[Start of Attachment]

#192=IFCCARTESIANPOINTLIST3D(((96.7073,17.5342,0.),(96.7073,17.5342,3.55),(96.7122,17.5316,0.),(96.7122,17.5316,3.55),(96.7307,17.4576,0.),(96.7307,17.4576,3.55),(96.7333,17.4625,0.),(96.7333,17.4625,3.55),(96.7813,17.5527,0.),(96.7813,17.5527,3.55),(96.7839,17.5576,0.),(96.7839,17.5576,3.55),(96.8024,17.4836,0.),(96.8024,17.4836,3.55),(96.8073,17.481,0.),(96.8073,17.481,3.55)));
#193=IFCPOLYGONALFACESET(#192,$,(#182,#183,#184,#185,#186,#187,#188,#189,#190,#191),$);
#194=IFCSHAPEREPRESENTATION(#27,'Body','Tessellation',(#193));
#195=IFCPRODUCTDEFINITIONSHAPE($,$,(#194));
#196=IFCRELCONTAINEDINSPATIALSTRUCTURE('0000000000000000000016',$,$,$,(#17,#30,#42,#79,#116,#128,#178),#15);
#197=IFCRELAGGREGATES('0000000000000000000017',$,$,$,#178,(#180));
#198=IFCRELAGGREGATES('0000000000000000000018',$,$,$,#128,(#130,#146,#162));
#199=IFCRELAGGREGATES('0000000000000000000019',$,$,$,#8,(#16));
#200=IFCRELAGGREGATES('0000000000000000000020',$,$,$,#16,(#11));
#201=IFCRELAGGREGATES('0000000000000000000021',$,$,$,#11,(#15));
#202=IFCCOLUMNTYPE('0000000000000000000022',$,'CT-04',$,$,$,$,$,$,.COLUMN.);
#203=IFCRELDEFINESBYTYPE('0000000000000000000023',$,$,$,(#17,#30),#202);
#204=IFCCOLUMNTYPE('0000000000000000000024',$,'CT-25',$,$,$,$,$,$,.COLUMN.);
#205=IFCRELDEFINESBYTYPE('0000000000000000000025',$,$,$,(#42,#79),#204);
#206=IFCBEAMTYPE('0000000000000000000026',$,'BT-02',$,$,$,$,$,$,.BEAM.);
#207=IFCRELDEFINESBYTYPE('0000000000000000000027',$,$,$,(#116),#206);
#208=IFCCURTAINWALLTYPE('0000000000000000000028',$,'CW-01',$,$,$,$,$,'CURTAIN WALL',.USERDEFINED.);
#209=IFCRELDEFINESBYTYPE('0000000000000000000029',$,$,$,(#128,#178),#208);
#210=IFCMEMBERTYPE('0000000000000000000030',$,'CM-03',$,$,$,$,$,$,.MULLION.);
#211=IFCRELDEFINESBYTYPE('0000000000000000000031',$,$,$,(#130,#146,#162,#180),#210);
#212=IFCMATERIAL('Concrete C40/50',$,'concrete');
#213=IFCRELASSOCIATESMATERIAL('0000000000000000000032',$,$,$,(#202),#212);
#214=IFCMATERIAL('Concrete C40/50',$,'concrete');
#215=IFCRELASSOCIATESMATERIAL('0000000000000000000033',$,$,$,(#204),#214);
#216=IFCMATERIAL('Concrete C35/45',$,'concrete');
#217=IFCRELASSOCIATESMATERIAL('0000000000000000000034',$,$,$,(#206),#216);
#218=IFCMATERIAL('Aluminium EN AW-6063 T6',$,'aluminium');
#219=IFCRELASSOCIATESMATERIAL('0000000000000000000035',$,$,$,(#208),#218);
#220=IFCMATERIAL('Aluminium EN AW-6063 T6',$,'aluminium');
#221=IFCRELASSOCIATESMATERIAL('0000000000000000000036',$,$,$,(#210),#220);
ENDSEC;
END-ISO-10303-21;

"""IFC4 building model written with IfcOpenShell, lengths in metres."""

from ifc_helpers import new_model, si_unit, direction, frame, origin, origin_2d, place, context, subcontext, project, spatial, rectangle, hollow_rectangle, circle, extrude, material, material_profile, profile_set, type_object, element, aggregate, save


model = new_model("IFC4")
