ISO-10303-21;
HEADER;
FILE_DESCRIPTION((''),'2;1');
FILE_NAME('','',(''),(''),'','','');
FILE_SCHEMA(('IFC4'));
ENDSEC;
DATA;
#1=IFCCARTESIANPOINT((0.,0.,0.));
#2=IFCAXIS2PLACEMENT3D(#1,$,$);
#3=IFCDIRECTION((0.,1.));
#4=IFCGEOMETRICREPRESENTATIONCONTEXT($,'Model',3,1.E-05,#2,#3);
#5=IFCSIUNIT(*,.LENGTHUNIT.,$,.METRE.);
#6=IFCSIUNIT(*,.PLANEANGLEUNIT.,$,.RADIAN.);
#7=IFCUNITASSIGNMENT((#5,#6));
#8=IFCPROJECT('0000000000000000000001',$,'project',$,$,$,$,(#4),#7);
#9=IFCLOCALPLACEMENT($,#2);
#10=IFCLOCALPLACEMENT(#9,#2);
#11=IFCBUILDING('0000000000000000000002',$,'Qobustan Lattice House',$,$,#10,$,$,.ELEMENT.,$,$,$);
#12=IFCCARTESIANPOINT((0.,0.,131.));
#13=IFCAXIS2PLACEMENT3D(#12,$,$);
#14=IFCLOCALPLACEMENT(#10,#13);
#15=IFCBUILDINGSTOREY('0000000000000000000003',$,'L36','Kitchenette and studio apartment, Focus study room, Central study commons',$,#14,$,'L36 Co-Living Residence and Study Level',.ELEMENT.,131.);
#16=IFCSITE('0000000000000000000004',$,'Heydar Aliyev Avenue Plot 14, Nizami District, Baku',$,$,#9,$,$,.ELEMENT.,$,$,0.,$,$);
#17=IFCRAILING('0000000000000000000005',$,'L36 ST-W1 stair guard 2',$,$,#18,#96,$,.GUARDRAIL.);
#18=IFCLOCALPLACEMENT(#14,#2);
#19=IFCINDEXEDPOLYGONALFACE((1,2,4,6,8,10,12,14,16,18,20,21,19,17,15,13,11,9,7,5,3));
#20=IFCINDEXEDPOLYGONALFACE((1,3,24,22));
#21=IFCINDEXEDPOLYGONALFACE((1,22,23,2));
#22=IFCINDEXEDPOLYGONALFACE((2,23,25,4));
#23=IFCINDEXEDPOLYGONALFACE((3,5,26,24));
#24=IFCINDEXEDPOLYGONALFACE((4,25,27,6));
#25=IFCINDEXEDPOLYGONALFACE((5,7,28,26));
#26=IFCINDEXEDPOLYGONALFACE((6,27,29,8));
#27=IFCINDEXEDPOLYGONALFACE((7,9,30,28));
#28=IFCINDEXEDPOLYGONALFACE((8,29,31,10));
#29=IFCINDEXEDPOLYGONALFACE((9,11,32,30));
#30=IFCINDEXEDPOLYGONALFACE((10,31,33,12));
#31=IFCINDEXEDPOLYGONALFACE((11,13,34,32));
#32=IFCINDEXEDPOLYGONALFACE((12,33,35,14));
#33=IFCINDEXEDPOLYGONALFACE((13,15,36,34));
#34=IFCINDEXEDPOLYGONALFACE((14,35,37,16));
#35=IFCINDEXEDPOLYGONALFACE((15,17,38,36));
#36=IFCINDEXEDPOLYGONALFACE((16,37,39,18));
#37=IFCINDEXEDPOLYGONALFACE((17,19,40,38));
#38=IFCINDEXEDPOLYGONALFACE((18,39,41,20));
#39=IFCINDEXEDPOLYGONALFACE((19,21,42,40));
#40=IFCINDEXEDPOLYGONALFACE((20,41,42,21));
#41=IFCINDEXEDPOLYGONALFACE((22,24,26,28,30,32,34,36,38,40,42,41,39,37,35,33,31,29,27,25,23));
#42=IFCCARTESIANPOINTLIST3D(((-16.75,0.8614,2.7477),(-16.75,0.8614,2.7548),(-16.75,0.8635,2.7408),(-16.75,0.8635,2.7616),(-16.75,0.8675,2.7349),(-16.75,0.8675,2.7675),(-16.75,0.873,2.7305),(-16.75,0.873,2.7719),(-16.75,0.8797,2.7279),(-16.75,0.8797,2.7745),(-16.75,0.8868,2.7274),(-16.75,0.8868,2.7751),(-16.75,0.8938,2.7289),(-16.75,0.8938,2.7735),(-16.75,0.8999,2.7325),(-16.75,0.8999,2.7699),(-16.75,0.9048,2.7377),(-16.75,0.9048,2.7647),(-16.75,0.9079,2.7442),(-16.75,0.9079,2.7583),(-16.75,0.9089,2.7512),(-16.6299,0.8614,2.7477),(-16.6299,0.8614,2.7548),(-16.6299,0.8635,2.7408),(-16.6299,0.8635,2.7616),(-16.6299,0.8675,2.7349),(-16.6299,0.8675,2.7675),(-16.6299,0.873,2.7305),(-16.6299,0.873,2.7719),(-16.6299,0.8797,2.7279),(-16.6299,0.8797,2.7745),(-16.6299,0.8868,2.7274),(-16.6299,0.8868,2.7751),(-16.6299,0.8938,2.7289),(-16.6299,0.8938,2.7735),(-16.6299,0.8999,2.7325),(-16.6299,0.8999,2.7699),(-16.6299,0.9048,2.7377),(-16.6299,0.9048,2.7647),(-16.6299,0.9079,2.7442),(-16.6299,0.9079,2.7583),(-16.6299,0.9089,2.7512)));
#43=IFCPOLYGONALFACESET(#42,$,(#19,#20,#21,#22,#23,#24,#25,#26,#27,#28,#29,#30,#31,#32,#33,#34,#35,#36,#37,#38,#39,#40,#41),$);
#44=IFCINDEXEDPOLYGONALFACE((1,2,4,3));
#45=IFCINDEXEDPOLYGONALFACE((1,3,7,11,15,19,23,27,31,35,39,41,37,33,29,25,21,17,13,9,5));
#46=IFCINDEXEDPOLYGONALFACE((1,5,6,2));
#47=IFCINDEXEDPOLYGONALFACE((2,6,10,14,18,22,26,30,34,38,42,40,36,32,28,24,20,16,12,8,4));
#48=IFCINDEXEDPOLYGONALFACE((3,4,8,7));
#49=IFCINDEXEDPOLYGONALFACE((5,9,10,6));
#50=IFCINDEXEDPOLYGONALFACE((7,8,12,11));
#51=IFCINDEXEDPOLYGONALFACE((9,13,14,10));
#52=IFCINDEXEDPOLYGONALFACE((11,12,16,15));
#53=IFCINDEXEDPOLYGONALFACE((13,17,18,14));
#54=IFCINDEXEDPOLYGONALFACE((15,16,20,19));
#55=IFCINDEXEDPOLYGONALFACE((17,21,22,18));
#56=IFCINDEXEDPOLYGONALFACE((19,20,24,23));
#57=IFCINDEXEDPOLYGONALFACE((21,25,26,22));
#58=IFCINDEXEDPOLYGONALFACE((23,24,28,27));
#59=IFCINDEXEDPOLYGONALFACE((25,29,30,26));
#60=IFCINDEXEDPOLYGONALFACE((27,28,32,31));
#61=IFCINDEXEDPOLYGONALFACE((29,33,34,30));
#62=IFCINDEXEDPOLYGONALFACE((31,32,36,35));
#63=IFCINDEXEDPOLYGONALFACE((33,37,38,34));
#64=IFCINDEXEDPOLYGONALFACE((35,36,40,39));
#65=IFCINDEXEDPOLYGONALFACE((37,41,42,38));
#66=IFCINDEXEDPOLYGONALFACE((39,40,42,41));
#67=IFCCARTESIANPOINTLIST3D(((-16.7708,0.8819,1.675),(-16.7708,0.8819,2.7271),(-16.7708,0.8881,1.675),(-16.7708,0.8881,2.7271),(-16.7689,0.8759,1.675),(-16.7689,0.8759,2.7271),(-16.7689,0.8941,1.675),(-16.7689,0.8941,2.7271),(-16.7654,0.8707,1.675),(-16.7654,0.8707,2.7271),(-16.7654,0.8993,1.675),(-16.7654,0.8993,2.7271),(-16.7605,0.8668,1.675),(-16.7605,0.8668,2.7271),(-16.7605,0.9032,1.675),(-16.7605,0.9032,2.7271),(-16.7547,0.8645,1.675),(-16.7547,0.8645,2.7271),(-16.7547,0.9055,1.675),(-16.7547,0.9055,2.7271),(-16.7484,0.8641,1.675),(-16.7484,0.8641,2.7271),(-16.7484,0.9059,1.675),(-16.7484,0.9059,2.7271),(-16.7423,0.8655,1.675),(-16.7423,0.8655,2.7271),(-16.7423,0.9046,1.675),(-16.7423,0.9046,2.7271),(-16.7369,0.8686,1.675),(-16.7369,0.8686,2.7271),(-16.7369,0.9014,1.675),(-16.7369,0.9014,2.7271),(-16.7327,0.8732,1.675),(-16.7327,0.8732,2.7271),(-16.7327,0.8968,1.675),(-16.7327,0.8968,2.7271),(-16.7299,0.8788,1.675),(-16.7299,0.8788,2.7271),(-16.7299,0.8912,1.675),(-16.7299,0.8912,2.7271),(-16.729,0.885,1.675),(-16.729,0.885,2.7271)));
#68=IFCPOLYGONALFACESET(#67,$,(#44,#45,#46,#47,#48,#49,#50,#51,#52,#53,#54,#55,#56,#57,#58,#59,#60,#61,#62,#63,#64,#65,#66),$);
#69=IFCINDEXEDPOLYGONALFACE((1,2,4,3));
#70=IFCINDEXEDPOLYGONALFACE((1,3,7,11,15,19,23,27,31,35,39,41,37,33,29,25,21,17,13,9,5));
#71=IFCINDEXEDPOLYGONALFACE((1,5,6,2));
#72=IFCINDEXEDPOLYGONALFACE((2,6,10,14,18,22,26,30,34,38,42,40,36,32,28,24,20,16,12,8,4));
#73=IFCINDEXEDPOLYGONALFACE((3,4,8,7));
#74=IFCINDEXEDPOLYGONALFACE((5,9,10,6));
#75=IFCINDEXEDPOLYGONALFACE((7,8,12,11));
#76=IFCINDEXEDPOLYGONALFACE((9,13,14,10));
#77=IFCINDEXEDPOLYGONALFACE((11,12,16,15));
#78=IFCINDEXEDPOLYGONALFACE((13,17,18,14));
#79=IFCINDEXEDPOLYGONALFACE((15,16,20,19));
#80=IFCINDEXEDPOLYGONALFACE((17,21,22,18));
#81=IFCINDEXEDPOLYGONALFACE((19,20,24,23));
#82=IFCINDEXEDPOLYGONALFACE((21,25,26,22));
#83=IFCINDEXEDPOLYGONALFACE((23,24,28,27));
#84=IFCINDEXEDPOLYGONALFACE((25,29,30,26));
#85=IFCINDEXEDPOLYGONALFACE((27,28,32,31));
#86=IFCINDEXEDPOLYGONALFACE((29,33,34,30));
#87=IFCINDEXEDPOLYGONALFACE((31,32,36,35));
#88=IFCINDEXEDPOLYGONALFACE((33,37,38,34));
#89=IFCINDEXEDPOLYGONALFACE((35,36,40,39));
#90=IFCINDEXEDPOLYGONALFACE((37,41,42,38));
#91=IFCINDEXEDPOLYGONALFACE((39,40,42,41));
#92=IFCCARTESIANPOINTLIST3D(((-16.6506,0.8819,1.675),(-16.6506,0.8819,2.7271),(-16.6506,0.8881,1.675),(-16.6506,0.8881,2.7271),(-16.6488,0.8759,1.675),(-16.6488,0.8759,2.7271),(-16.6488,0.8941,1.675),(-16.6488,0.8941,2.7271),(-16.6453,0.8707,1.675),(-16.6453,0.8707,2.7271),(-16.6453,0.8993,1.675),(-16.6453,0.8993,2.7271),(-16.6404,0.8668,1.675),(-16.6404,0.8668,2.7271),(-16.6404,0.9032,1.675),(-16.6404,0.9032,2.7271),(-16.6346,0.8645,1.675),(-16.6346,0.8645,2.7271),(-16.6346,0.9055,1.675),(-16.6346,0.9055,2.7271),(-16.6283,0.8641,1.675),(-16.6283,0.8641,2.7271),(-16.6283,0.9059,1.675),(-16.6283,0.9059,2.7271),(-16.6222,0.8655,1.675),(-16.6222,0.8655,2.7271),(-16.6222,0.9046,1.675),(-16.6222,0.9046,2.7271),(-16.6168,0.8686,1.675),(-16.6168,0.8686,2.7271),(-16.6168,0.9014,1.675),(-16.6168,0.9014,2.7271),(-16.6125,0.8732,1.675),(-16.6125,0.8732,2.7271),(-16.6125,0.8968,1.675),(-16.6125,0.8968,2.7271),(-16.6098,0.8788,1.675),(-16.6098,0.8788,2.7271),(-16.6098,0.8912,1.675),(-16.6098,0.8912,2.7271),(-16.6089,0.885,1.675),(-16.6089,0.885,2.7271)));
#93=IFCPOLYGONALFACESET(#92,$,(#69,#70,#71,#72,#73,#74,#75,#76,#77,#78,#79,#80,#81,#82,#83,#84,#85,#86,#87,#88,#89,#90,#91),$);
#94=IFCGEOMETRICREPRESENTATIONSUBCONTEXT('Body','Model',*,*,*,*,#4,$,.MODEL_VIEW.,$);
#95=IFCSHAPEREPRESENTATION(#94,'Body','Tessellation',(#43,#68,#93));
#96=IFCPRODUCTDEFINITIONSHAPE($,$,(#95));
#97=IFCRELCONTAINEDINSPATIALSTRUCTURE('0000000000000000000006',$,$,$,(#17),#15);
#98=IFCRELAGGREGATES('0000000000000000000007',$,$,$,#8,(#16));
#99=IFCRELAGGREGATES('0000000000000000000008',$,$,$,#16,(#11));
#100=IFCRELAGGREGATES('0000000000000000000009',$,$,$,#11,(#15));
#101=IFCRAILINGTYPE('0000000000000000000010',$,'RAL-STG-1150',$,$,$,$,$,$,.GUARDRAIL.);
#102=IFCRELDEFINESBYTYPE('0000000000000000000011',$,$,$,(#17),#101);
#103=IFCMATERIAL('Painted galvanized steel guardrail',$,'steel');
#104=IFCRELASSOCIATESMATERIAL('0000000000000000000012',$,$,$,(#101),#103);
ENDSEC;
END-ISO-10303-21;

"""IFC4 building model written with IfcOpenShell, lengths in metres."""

from ifc_helpers import new_model, si_unit, direction, frame, origin, origin_2d, place, context, subcontext, project, spatial, circle, extrude, material, type_object, element, save


model = new_model("IFC4")

# Units and contexts
model_context = context("Model", 3, precision=1e-05, world=origin(), true_north=direction((0.0, 1.0)))
body_context = subcontext(model_context, "Body", "Model", "MODEL_VIEW")
ifc_project = project(units=[si_unit("LENGTHUNIT", "METRE"), si_unit("PLANEANGLEUNIT", "RADIAN")], contexts=[model_context])

# Site, building, storey
site_placement = place(None, origin())
site = spatial("IfcSite", under=ifc_project, at=site_placement, Name="Heydar Aliyev Avenue Plot 14, Nizami District, Baku", CompositionType="ELEMENT", RefElevation=0.0)
building_placement = place(site_placement, origin())
building = spatial("IfcBuilding", under=site, at=building_placement, Name="Qobustan Lattice House", CompositionType="ELEMENT")
storey_placement = place(building_placement, frame((0.0, 0.0, 131.0)))
storey = spatial("IfcBuildingStorey", under=building, at=storey_placement, Name="L36", Description="Kitchenette and studio apartment, Focus study room, Central study commons", LongName="L36 Co-Living Residence and Study Level", CompositionType="ELEMENT", Elevation=131.0)

# Railing
ifc_material_1 = material(Name="Painted galvanized steel guardrail", Category="steel")
railing_type_1 = type_object("IfcRailingType", Name="RAL-STG-1150", PredefinedType="GUARDRAIL", material=ifc_material_1)
railing_1_placement = place(storey_placement, frame((-16.75, 0.885, 1.675)))
element("IfcRailing", 1, at=railing_1_placement, inside=storey, type_object=railing_type_1, Name="L36 ST-W1 stair guard 2", PredefinedType="GUARDRAIL", context=body_context, shape_type="SweptSolid", body=[
    extrude(circle(Radius=0.0239, at=origin_2d()), frame((0.0, 0.0, 1.0762), z_axis=(1.0, 0.0, 0.0), x_axis=(0.0, 1.0, 0.0)), (0.0, 0.0, 1.0), 0.1201),
    extrude(circle(Radius=0.021, at=origin_2d()), origin(), (0.0, 0.0, 1.0), 1.052),
    extrude(circle(Radius=0.021, at=origin_2d()), frame((0.1201, 0.0, 0.0)), (0.0, 0.0, 1.0), 1.052),
])

save(model, "model.ifc")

[End of Attachment]

### [Problem to work on]
Your answer must be the lines above from the one containing "#69=IFCINDEXEDPOLYGONALFACE((1,2,4,3));" to the one containing "#91=IFCINDEXEDPOLYGONALFACE((39,40,42,41));", both included, restated word for word.

### [Result of this task]
#69=IFCINDEXEDPOLYGONALFACE((1,2,4,3));
#70=IFCINDEXEDPOLYGONALFACE((1,3,7,11,15,19,23,27,31,35,39,41,37,33,29,25,21,17,13,9,5));
#71=IFCINDEXEDPOLYGONALFACE((1,5,6,2));
#72=IFCINDEXEDPOLYGONALFACE((2,6,10,14,18,22,26,30,34,38,42,40,36,32,28,24,20,16,12,8,4));
#73=IFCINDEXEDPOLYGONALFACE((3,4,8,7));
#74=IFCINDEXEDPOLYGONALFACE((5,9,10,6));
#75=IFCINDEXEDPOLYGONALFACE((7,8,12,11));
#76=IFCINDEXEDPOLYGONALFACE((9,13,14,10));
#77=IFCINDEXEDPOLYGONALFACE((11,12,16,15));
#78=IFCINDEXEDPOLYGONALFACE((13,17,18,14));
#79=IFCINDEXEDPOLYGONALFACE((15,16,20,19));
#80=IFCINDEXEDPOLYGONALFACE((17,21,22,18));
#81=IFCINDEXEDPOLYGONALFACE((19,20,24,23));
#82=IFCINDEXEDPOLYGONALFACE((21,25,26,22));
#83=IFCINDEXEDPOLYGONALFACE((23,24,28,27));
#84=IFCINDEXEDPOLYGONALFACE((25,29,30,26));
#85=IFCINDEXEDPOLYGONALFACE((27,28,32,31));
#86=IFCINDEXEDPOLYGONALFACE((29,33,34,30));
#87=IFCINDEXEDPOLYGONALFACE((31,32,36,35));
#88=IFCINDEXEDPOLYGONALFACE((33,37,38,34));
#89=IFCINDEXEDPOLYGONALFACE((35,36,40,39));
#90=IFCINDEXEDPOLYGONALFACE((37,41,42,38));
#91=IFCINDEXEDPOLYGONALFACE((39,40,42,41));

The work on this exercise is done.